Aim of the exercise |
Using the records below, give again exactly the lines from the line that contains "#44=IFCRELAGGREGATES('0000000000000000000009',$,$,$,#16,(#11));" through the line that contains "a lantern screen',$,$,$,$,$,.BRACKET.);", both ends included, and only those.

Data extract |

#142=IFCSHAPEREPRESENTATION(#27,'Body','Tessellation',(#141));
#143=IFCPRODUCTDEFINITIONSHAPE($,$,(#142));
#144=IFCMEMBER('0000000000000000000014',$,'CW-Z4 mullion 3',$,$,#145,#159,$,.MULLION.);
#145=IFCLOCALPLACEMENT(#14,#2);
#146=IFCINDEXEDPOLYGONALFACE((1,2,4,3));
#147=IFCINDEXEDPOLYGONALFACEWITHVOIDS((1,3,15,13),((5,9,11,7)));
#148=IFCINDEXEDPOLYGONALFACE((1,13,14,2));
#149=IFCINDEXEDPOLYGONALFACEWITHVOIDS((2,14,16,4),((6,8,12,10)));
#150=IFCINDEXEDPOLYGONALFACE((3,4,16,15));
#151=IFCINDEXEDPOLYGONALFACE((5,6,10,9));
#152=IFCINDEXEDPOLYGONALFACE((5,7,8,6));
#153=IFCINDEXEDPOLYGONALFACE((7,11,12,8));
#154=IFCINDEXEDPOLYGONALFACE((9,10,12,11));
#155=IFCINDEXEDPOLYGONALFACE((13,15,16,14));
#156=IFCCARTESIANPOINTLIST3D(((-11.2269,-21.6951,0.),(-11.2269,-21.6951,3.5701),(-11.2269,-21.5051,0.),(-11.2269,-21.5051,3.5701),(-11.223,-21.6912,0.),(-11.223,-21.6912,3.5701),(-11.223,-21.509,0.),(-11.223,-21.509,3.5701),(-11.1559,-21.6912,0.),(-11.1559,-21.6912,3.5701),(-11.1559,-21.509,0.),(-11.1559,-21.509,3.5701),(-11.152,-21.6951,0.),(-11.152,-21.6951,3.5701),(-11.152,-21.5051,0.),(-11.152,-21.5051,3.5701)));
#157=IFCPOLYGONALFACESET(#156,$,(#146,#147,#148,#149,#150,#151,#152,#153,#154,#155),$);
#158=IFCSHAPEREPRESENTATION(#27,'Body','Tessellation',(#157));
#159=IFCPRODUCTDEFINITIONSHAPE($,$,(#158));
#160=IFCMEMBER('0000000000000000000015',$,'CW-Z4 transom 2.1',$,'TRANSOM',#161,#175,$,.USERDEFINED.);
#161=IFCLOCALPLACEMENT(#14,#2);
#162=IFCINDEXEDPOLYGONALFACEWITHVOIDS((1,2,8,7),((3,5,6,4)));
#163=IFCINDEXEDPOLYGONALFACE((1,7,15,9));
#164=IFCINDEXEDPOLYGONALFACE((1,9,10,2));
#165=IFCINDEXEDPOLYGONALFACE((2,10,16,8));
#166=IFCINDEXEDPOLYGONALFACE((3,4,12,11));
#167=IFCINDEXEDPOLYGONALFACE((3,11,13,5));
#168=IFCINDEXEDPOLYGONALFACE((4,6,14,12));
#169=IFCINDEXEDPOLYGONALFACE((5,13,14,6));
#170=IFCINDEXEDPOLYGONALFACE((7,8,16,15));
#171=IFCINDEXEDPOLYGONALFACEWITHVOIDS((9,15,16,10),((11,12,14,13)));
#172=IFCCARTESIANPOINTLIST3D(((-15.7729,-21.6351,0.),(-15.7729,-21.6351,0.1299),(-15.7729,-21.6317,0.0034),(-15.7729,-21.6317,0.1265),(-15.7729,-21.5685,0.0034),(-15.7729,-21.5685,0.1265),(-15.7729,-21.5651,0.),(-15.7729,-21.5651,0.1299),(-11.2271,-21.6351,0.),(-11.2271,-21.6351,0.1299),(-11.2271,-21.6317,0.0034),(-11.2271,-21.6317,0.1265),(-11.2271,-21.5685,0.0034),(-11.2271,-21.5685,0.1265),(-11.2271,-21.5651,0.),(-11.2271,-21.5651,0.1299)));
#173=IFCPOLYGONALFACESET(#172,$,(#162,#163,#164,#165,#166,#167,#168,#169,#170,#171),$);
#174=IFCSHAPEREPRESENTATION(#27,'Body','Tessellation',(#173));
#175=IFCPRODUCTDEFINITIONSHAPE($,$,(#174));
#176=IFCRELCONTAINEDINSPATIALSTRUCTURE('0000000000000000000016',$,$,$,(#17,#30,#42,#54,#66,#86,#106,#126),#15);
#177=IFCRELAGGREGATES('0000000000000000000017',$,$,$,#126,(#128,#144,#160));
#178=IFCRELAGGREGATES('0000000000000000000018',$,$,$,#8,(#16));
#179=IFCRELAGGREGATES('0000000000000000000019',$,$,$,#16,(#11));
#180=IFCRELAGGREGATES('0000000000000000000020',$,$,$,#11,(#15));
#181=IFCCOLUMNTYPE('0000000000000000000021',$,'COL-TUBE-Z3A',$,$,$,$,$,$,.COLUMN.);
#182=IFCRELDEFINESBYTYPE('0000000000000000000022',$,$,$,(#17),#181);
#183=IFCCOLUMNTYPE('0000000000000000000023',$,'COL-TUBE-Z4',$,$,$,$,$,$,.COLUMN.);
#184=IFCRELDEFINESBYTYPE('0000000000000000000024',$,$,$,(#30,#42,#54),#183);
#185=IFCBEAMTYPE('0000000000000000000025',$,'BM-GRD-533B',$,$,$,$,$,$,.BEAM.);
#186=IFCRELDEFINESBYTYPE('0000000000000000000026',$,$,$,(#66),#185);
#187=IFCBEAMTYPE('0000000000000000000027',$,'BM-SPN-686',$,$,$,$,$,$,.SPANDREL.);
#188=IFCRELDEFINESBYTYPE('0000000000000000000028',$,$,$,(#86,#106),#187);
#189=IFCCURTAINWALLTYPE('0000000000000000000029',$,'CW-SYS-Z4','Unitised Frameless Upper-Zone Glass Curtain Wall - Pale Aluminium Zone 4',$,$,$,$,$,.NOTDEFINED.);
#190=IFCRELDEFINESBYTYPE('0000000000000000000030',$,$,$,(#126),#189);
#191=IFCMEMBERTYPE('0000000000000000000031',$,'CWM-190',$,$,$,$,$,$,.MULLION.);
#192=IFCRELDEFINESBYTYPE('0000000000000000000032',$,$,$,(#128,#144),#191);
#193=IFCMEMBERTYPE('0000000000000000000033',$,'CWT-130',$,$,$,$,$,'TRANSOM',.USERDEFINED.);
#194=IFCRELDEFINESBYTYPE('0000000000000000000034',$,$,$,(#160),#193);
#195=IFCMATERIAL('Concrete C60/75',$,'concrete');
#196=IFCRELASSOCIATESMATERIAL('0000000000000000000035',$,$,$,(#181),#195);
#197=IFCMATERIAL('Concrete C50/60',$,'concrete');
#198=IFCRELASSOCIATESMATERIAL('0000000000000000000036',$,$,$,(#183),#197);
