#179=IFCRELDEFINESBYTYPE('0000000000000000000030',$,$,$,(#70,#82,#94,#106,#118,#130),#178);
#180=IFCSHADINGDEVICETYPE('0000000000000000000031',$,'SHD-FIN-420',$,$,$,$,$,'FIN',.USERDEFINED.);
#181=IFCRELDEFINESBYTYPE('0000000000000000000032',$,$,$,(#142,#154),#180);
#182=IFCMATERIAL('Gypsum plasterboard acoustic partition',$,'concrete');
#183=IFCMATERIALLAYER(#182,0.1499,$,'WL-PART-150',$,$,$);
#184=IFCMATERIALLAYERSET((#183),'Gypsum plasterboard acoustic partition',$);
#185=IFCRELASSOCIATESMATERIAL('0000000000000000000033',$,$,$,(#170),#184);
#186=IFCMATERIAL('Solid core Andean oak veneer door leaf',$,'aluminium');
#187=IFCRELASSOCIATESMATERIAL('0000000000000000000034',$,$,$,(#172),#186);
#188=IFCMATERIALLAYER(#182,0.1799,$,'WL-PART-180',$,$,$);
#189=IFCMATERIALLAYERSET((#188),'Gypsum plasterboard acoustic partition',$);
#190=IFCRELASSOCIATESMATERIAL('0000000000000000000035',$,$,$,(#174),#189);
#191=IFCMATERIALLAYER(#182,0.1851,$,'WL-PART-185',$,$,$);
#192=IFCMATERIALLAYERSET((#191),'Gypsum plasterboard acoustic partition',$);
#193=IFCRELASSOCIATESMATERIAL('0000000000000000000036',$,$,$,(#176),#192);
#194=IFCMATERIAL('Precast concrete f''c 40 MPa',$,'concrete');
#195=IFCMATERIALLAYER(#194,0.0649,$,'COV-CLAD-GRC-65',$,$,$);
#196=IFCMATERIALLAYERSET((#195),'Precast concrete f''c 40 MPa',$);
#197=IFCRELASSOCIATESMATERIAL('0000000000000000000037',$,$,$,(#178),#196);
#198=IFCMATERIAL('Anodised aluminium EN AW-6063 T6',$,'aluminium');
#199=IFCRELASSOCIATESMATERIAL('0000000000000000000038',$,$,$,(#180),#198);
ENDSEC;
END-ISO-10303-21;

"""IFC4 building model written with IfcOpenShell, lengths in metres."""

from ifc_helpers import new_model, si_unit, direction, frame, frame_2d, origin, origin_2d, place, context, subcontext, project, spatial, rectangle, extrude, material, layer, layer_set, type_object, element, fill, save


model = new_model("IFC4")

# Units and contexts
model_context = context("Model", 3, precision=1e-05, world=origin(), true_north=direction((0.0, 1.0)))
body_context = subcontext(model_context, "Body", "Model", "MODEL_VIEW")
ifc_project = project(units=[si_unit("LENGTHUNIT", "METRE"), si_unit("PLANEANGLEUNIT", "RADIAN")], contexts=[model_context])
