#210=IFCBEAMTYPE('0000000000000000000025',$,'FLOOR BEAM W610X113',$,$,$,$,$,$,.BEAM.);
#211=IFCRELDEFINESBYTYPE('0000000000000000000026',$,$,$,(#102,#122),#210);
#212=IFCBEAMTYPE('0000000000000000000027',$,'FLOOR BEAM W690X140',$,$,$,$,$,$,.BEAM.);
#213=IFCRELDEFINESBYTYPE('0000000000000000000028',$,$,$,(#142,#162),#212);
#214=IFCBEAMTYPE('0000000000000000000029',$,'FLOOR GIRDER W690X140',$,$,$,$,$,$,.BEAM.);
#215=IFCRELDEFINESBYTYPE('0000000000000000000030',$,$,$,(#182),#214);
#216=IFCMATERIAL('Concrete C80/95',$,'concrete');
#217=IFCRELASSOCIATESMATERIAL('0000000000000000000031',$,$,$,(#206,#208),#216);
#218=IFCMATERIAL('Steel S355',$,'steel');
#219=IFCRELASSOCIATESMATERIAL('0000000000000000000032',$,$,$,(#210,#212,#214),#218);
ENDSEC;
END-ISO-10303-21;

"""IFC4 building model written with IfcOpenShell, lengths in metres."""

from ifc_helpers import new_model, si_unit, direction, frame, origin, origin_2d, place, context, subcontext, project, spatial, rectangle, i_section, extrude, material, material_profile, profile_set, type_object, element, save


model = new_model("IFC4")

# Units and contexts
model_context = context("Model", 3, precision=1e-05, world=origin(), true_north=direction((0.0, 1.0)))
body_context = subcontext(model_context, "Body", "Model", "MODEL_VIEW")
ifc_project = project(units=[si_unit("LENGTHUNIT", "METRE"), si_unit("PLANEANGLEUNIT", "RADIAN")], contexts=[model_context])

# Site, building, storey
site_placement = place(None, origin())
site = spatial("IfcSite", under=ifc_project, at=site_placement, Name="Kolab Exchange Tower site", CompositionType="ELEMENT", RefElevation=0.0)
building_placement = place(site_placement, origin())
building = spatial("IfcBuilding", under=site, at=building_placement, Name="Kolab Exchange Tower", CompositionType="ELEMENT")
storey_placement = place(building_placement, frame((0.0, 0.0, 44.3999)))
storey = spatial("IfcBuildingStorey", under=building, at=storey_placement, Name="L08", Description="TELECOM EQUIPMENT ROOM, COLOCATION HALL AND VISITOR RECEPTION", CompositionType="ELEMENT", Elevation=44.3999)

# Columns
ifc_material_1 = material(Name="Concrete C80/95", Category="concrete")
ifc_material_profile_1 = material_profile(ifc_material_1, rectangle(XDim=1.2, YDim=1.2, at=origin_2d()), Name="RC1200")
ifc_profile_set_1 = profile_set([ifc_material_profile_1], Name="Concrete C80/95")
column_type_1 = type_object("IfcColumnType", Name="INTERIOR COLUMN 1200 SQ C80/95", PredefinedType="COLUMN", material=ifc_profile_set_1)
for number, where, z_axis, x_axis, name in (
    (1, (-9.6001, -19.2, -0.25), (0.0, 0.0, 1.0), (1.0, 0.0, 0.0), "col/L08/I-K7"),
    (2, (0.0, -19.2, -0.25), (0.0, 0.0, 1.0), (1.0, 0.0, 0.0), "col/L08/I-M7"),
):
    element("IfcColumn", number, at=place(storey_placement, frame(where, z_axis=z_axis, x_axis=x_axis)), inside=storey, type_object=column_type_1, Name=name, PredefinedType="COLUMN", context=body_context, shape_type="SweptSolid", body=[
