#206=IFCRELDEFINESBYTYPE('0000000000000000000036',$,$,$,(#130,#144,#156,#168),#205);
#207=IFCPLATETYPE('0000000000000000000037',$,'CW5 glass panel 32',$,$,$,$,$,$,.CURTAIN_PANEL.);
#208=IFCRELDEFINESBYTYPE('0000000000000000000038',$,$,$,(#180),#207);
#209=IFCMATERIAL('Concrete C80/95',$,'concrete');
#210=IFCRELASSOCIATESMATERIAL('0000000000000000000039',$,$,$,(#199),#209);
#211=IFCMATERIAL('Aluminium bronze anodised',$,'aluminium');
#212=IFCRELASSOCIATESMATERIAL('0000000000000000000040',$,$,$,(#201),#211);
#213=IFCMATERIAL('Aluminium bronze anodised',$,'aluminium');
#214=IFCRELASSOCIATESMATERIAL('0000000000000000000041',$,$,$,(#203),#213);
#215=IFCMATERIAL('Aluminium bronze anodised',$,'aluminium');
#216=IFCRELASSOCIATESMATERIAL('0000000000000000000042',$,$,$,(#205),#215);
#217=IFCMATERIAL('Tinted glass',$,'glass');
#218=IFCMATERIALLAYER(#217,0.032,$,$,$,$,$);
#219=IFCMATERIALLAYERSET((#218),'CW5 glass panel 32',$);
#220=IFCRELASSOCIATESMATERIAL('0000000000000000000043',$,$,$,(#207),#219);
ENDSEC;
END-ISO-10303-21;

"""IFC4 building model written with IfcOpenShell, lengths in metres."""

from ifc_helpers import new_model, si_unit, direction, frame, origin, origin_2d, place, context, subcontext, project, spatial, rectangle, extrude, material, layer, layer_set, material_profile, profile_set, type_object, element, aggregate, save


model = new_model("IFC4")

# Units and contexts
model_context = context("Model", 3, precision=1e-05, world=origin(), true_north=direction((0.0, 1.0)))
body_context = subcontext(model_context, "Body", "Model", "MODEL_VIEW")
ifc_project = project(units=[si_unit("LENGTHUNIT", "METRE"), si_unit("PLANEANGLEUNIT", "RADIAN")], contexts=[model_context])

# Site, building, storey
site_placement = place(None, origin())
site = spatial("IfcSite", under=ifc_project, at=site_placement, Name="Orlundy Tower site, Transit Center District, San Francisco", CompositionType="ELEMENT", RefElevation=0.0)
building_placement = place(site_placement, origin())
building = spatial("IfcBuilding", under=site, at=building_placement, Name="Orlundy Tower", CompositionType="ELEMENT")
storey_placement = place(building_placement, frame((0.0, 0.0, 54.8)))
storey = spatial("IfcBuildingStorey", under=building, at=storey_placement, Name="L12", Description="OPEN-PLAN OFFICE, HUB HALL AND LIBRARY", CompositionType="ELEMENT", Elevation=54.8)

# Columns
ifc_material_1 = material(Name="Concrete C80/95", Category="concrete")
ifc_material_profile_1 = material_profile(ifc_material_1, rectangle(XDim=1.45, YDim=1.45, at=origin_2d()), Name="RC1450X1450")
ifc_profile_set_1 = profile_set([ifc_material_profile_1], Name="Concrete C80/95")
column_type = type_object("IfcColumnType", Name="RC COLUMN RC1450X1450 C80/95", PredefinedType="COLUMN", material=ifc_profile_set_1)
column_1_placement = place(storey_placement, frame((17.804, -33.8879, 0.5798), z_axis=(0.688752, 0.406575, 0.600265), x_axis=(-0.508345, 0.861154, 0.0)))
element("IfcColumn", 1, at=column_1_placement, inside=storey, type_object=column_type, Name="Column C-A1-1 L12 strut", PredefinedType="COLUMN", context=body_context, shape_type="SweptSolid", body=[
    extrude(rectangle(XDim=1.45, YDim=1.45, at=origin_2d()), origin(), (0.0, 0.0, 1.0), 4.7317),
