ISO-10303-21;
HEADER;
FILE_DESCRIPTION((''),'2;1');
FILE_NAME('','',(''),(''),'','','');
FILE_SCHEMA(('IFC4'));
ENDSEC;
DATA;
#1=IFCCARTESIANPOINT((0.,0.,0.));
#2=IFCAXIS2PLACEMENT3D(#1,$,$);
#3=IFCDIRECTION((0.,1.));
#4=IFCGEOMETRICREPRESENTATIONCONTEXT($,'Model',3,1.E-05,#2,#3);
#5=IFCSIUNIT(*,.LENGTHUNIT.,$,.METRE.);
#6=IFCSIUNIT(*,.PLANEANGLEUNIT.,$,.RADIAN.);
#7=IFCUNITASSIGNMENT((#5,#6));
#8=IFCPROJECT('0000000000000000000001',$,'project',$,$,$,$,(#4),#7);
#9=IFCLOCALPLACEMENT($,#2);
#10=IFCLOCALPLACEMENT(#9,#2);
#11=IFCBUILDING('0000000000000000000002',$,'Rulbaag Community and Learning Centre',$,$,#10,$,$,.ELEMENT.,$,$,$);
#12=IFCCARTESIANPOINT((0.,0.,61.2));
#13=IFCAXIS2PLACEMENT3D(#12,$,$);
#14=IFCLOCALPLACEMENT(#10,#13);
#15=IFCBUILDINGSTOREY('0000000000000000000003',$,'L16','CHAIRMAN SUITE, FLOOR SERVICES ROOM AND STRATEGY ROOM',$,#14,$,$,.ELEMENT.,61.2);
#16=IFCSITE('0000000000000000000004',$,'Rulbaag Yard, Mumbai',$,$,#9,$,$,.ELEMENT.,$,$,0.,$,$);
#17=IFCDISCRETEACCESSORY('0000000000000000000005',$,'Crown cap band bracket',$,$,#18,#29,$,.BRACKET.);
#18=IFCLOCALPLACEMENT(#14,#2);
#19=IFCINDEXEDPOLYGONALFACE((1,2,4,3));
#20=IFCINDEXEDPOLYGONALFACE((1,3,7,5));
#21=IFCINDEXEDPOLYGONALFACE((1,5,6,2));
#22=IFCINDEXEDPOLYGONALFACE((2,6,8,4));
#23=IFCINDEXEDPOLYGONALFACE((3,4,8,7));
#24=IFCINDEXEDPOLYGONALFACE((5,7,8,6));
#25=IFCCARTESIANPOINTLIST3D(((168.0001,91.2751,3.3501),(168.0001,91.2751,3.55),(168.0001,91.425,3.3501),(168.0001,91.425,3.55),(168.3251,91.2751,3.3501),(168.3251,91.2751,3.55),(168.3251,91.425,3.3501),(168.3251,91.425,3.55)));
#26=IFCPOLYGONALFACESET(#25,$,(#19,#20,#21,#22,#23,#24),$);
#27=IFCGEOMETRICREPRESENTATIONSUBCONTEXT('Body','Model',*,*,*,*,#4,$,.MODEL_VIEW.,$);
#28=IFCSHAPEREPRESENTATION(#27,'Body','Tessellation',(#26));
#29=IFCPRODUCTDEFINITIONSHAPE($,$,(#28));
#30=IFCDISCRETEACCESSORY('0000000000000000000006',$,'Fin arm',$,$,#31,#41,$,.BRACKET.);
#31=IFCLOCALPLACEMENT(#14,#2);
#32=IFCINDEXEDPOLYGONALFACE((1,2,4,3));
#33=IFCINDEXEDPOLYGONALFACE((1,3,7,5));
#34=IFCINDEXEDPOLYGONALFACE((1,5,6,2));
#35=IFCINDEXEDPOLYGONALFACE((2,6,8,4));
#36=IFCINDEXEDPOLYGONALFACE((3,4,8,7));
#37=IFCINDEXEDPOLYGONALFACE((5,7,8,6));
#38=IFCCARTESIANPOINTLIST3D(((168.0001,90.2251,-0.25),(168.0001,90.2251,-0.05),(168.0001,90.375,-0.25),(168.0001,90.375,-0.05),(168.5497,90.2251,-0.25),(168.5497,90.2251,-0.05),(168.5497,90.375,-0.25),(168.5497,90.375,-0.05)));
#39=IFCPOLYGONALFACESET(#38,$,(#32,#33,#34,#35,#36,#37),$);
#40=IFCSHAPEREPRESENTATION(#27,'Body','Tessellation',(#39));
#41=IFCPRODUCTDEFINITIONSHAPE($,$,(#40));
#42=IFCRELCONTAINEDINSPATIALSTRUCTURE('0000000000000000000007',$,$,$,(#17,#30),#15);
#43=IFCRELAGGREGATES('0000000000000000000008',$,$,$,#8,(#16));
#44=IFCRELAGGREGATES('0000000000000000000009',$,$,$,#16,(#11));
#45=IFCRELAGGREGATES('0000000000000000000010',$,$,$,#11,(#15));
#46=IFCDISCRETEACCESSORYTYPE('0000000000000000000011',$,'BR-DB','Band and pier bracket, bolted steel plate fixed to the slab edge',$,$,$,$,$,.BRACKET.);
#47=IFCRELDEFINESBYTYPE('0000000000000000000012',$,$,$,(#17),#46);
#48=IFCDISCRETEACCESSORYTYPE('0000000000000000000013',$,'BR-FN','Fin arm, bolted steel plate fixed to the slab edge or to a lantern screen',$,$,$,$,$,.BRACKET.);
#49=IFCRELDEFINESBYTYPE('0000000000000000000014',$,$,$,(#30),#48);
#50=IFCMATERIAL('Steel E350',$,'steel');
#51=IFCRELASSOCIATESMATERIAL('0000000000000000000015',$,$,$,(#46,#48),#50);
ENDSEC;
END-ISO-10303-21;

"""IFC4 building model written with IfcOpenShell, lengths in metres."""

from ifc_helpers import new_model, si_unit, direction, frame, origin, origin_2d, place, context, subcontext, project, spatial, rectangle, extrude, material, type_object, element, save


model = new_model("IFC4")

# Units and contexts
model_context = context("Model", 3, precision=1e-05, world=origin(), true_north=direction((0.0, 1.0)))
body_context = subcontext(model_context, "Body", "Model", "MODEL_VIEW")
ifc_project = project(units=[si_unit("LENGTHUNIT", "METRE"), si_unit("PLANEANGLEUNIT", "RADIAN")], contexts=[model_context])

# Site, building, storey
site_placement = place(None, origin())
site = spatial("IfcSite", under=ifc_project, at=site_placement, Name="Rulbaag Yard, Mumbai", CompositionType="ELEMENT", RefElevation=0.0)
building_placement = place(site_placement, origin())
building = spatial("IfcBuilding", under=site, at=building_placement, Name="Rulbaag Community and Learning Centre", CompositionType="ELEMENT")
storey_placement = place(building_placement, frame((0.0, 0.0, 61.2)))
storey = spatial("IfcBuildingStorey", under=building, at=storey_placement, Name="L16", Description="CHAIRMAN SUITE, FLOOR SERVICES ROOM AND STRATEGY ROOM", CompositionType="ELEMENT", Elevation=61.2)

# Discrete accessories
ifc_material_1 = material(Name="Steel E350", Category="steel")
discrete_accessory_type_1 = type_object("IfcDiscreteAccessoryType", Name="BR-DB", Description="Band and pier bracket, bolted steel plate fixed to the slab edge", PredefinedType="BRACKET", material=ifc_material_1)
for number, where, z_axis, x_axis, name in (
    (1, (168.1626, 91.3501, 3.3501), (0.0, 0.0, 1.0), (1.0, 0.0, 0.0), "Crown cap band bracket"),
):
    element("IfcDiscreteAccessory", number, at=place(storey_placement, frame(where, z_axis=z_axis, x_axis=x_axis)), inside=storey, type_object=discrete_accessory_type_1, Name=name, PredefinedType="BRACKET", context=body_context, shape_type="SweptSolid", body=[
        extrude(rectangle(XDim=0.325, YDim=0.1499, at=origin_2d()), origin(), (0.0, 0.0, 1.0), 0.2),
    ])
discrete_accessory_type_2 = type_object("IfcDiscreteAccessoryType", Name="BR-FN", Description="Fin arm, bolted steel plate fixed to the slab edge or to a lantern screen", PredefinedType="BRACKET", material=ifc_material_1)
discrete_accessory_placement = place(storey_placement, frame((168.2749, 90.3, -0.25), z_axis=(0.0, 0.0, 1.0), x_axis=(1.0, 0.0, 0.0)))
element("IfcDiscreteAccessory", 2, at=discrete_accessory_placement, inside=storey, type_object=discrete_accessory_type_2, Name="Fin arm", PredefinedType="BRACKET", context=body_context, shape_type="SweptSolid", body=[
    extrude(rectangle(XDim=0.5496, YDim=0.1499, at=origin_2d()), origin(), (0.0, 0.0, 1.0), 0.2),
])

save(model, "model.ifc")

Exercise solution |
#44=IFCRELAGGREGATES('0000000000000000000009',$,$,$,#16,(#11));
#45=IFCRELAGGREGATES('0000000000000000000010',$,$,$,#11,(#15));
#46=IFCDISCRETEACCESSORYTYPE('0000000000000000000011',$,'BR-DB','Band and pier bracket, bolted steel plate fixed to the slab edge',$,$,$,$,$,.BRACKET.);
#47=IFCRELDEFINESBYTYPE('0000000000000000000012',$,$,$,(#17),#46);
#48=IFCDISCRETEACCESSORYTYPE('0000000000000000000013',$,'BR-FN','Fin arm, bolted steel plate fixed to the slab edge or to a lantern screen',$,$,$,$,$,.BRACKET.);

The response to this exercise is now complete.